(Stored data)
************

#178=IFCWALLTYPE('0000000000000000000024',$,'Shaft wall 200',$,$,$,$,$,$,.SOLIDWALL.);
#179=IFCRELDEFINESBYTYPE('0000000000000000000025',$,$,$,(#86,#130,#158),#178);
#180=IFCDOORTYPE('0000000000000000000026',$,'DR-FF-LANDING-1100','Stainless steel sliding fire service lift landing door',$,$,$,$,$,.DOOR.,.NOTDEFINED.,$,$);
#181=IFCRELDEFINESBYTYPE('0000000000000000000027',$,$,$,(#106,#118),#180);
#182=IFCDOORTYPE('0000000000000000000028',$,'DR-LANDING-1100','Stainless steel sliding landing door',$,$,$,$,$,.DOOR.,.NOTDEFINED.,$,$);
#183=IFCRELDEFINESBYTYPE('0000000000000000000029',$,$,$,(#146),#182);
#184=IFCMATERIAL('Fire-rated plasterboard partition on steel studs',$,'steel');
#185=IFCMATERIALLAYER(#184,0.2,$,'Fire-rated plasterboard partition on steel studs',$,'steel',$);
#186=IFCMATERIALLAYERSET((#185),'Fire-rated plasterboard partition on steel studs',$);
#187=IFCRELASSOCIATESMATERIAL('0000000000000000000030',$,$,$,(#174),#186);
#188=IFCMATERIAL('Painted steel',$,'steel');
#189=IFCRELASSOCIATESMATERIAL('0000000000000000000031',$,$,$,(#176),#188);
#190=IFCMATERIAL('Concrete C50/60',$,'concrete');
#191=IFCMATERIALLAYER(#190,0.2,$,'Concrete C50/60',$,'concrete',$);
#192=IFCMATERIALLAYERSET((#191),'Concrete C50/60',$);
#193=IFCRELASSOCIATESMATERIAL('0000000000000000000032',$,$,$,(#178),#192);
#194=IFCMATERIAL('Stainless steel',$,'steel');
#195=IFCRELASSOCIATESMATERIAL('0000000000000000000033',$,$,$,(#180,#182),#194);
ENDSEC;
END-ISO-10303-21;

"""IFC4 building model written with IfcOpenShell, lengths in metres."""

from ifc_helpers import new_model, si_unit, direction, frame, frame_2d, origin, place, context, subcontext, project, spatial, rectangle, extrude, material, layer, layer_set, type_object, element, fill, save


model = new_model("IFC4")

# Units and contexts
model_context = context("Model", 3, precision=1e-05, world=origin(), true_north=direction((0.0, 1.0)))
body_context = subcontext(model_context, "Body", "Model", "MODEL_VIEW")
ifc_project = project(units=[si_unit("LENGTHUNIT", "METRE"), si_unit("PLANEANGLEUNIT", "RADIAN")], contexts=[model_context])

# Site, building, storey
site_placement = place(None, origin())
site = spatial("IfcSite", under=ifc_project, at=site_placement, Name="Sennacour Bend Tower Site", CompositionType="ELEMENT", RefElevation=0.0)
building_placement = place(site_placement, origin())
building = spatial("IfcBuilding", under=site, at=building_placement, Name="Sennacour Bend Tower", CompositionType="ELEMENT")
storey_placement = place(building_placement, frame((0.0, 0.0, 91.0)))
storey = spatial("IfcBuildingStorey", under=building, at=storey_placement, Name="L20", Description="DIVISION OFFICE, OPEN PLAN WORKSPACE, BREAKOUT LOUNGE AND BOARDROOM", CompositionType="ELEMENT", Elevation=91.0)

************

- [Activity]: From the preceding records, count the lines where "Tower" occurs and reply with the number only.

- [Solved problem]: 2